[Stored data]

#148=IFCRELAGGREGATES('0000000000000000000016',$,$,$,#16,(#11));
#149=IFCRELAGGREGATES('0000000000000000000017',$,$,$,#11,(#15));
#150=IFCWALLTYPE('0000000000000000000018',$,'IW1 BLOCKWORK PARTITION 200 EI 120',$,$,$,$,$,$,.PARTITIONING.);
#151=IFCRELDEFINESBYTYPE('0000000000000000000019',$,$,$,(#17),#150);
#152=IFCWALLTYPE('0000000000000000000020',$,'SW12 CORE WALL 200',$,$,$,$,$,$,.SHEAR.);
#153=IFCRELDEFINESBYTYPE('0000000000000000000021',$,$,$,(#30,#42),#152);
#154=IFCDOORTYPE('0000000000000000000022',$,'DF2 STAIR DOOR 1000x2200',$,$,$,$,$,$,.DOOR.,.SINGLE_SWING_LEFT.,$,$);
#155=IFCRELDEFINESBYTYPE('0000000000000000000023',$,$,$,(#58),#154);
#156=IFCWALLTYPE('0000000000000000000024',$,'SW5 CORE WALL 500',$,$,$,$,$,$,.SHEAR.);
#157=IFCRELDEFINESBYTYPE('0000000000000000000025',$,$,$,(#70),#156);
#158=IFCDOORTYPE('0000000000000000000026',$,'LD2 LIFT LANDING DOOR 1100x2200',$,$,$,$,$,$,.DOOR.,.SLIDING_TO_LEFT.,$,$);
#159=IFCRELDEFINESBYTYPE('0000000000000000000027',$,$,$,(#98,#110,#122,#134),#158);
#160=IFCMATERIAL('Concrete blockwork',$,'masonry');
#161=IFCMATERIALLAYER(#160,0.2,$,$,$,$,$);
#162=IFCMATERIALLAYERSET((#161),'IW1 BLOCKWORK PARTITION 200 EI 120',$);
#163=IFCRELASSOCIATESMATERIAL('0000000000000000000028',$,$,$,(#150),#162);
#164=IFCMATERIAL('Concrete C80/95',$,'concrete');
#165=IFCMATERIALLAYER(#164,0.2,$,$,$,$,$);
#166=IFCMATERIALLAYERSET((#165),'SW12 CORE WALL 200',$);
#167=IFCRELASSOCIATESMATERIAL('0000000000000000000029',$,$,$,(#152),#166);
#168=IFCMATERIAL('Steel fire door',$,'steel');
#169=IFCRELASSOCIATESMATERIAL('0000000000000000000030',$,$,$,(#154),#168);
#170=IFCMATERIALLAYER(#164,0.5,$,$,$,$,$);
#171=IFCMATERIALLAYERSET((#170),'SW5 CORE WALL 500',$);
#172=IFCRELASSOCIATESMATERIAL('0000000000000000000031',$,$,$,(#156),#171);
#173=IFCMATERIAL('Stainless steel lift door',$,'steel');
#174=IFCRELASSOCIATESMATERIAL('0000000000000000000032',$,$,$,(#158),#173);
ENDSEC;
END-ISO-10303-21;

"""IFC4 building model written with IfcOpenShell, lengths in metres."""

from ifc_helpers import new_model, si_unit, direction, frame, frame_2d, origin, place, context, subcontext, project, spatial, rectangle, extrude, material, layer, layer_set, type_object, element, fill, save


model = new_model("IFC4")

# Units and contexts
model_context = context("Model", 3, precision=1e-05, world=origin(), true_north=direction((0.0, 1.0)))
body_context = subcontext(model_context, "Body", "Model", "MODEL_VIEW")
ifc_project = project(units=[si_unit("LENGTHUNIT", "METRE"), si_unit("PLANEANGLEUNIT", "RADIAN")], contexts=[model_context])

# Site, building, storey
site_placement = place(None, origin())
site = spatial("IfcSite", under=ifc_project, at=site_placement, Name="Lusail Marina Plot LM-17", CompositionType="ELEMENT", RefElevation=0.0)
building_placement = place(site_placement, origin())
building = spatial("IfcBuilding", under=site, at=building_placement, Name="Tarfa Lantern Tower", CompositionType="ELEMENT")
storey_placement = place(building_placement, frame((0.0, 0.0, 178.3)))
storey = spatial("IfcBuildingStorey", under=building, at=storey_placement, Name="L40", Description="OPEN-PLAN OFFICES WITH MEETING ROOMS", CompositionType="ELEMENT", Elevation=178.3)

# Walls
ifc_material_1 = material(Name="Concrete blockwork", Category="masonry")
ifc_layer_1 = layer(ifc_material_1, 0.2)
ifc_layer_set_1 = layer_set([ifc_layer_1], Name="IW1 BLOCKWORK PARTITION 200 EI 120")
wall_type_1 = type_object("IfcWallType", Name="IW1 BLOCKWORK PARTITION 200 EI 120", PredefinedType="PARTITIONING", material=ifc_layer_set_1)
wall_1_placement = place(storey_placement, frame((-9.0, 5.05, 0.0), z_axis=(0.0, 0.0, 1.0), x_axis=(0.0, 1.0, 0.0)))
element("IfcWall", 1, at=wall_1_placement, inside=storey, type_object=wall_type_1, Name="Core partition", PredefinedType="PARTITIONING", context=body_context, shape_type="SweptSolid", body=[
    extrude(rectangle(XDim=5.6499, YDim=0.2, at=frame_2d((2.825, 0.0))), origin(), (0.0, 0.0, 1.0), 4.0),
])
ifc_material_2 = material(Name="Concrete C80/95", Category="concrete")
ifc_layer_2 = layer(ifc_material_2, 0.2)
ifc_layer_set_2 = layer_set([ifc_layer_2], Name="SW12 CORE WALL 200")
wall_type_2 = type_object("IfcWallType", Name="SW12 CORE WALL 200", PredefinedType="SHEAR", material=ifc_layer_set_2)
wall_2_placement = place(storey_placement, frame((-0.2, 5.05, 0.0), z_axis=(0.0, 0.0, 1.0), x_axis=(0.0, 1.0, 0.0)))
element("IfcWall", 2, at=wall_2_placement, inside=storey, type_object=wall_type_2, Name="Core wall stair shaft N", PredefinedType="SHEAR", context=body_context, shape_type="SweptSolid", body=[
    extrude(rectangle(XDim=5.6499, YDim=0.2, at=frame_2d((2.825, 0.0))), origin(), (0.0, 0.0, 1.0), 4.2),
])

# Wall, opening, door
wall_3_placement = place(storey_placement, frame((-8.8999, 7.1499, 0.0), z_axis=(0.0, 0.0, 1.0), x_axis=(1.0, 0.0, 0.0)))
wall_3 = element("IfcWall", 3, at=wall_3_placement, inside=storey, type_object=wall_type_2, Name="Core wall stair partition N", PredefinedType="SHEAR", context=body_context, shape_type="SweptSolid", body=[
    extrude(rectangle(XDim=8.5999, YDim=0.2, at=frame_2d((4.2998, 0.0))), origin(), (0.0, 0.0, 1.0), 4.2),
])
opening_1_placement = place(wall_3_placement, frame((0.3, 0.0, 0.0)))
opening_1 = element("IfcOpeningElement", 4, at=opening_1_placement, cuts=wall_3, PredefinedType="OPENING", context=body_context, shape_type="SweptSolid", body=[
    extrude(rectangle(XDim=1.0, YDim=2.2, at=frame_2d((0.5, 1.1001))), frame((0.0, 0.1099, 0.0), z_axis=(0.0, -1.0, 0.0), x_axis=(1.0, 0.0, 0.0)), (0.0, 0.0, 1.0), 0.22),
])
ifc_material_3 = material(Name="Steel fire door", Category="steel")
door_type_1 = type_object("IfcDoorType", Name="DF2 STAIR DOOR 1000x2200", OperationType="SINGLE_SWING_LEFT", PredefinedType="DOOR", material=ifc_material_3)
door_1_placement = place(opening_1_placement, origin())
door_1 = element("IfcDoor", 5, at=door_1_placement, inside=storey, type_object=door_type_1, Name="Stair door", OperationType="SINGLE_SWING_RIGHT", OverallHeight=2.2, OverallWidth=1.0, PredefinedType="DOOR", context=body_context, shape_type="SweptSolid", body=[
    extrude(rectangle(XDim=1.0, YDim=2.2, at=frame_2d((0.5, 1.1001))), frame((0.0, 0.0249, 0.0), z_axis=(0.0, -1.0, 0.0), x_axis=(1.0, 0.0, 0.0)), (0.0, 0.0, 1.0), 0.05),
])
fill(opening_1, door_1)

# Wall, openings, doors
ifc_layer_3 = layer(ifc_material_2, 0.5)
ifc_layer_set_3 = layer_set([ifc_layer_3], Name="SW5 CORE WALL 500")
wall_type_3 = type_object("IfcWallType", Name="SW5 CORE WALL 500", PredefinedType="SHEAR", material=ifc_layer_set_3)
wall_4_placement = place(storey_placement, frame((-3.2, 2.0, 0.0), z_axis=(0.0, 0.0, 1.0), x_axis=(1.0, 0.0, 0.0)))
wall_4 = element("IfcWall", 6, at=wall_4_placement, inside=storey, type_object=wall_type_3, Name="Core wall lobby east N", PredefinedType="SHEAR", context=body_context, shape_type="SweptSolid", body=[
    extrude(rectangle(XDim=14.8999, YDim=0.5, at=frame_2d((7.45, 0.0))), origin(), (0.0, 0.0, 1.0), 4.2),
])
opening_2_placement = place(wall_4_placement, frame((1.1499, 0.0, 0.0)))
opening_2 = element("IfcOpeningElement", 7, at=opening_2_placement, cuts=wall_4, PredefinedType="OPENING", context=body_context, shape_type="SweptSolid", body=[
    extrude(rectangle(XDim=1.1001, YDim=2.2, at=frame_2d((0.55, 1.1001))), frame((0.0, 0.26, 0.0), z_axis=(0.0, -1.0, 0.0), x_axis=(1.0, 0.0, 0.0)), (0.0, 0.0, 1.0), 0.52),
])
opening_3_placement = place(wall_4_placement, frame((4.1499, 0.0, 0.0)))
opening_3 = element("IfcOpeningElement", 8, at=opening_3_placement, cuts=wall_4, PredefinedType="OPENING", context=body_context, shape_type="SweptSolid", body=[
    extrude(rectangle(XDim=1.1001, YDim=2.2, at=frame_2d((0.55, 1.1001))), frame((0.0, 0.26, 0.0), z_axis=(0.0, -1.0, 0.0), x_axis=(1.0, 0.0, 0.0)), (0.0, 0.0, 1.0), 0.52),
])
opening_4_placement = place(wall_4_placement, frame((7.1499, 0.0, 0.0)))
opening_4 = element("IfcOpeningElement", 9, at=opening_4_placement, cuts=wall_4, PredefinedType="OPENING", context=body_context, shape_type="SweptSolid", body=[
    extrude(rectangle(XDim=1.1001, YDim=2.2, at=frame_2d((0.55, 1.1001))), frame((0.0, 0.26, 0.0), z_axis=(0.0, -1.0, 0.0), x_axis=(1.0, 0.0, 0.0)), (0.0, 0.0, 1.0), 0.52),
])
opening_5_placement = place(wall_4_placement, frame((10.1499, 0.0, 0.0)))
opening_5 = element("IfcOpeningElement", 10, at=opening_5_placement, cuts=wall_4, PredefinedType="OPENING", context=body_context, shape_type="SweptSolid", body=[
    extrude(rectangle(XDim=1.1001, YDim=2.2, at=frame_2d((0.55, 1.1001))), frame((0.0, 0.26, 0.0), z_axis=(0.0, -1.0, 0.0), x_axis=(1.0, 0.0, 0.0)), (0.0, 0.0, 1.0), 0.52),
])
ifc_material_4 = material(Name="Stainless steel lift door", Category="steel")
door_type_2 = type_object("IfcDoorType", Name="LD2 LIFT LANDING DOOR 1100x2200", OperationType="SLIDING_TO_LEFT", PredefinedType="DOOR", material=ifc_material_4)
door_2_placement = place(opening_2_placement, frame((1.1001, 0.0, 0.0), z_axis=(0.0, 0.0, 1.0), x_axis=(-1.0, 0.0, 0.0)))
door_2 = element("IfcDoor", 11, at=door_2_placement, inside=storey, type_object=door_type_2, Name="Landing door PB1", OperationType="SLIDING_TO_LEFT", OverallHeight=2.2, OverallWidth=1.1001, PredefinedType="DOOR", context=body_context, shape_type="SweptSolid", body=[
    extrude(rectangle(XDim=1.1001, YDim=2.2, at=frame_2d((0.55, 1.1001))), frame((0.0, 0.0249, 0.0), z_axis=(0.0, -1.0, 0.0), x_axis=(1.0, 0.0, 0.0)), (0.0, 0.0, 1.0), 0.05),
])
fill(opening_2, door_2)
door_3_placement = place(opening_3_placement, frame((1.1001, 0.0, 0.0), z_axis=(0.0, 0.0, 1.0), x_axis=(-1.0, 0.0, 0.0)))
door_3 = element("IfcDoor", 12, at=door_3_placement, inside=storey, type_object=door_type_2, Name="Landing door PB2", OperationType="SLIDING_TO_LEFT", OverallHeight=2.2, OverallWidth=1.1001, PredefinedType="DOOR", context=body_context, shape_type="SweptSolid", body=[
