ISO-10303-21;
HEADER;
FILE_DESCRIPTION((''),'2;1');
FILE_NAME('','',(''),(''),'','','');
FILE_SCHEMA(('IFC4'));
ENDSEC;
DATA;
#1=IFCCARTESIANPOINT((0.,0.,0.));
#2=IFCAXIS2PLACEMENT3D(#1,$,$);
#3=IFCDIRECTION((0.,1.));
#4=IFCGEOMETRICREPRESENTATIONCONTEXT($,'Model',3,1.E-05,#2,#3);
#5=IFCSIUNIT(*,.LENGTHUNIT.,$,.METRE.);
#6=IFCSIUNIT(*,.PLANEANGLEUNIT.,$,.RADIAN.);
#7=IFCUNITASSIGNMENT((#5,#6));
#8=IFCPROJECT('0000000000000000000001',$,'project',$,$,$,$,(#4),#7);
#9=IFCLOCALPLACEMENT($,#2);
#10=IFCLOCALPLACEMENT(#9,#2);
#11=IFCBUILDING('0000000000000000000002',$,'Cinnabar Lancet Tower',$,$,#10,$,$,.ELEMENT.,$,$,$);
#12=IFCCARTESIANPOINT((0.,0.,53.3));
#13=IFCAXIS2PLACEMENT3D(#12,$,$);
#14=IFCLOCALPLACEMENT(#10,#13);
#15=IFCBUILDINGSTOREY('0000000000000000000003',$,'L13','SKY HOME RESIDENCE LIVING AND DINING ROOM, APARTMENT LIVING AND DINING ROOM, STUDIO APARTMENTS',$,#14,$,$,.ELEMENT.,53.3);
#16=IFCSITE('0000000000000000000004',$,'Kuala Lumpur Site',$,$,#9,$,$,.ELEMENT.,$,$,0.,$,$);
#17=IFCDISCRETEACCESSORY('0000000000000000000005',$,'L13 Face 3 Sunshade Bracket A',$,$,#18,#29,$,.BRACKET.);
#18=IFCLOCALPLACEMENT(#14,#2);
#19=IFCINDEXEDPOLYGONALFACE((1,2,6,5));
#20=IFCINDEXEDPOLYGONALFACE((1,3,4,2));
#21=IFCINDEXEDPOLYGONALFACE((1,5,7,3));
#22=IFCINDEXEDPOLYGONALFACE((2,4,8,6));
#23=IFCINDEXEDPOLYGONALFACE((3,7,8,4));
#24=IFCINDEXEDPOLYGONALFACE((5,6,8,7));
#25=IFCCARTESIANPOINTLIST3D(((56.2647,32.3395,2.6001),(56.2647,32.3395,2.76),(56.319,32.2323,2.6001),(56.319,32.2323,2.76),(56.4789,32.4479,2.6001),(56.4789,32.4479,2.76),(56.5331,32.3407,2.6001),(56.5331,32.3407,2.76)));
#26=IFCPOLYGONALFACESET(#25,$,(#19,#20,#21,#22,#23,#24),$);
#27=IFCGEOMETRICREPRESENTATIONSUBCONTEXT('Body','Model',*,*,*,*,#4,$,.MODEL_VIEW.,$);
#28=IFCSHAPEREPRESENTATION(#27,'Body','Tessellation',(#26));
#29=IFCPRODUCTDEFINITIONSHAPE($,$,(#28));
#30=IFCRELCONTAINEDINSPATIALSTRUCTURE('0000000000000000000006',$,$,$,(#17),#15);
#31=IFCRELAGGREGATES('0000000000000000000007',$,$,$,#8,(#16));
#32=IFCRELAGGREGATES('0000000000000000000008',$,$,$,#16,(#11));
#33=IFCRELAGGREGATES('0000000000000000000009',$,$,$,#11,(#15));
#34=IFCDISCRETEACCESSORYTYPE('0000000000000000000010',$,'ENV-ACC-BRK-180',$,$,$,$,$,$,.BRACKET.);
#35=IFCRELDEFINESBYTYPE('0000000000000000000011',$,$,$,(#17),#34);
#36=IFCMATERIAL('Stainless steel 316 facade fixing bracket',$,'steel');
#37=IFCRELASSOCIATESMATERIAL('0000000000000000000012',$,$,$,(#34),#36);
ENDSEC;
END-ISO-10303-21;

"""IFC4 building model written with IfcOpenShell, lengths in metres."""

from ifc_helpers import new_model, si_unit, direction, frame, origin, origin_2d, place, context, subcontext, project, spatial, rectangle, extrude, material, type_object, element, save


model = new_model("IFC4")

# Units and contexts
model_context = context("Model", 3, precision=1e-05, world=origin(), true_north=direction((0.0, 1.0)))
body_context = subcontext(model_context, "Body", "Model", "MODEL_VIEW")
ifc_project = project(units=[si_unit("LENGTHUNIT", "METRE"), si_unit("PLANEANGLEUNIT", "RADIAN")], contexts=[model_context])

# Site, building, storey
site_placement = place(None, origin())
site = spatial("IfcSite", under=ifc_project, at=site_placement, Name="Kuala Lumpur Site", CompositionType="ELEMENT", RefElevation=0.0)
building_placement = place(site_placement, origin())
building = spatial("IfcBuilding", under=site, at=building_placement, Name="Cinnabar Lancet Tower", CompositionType="ELEMENT")
storey_placement = place(building_placement, frame((0.0, 0.0, 53.3)))
storey = spatial("IfcBuildingStorey", under=building, at=storey_placement, Name="L13", Description="SKY HOME RESIDENCE LIVING AND DINING ROOM, APARTMENT LIVING AND DINING ROOM, STUDIO APARTMENTS", CompositionType="ELEMENT", Elevation=53.3)

# Discrete accessory
ifc_material_1 = material(Name="Stainless steel 316 facade fixing bracket", Category="steel")
discrete_accessory_type = type_object("IfcDiscreteAccessoryType", Name="ENV-ACC-BRK-180", PredefinedType="BRACKET", material=ifc_material_1)
discrete_accessory_placement = place(storey_placement, frame((56.3989, 32.3401, 2.6001), z_axis=(0.0, 0.0, 1.0), x_axis=(-0.451501, 0.892271, 0.0)))
element("IfcDiscreteAccessory", 1, at=discrete_accessory_placement, inside=storey, type_object=discrete_accessory_type, Name="L13 Face 3 Sunshade Bracket A", PredefinedType="BRACKET", context=body_context, shape_type="SweptSolid", body=[
    extrude(rectangle(XDim=0.1201, YDim=0.24, at=origin_2d()), origin(), (0.0, 0.0, 1.0), 0.1599),
])

save(model, "model.ifc")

* [What this task involves]:
Produce only the lines from the line containing "FILE_SCHEMA(('IFC4'));" through the line containing "#9=IFCLOCALPLACEMENT($,#2);", inclusive of both, exactly as they stand in the entries above.

* [Output for this task]:
FILE_SCHEMA(('IFC4'));
ENDSEC;
DATA;
#1=IFCCARTESIANPOINT((0.,0.,0.));
#2=IFCAXIS2PLACEMENT3D(#1,$,$);
#3=IFCDIRECTION((0.,1.));
#4=IFCGEOMETRICREPRESENTATIONCONTEXT($,'Model',3,1.E-05,#2,#3);
#5=IFCSIUNIT(*,.LENGTHUNIT.,$,.METRE.);
#6=IFCSIUNIT(*,.PLANEANGLEUNIT.,$,.RADIAN.);
#7=IFCUNITASSIGNMENT((#5,#6));
#8=IFCPROJECT('0000000000000000000001',$,'project',$,$,$,$,(#4),#7);
#9=IFCLOCALPLACEMENT($,#2);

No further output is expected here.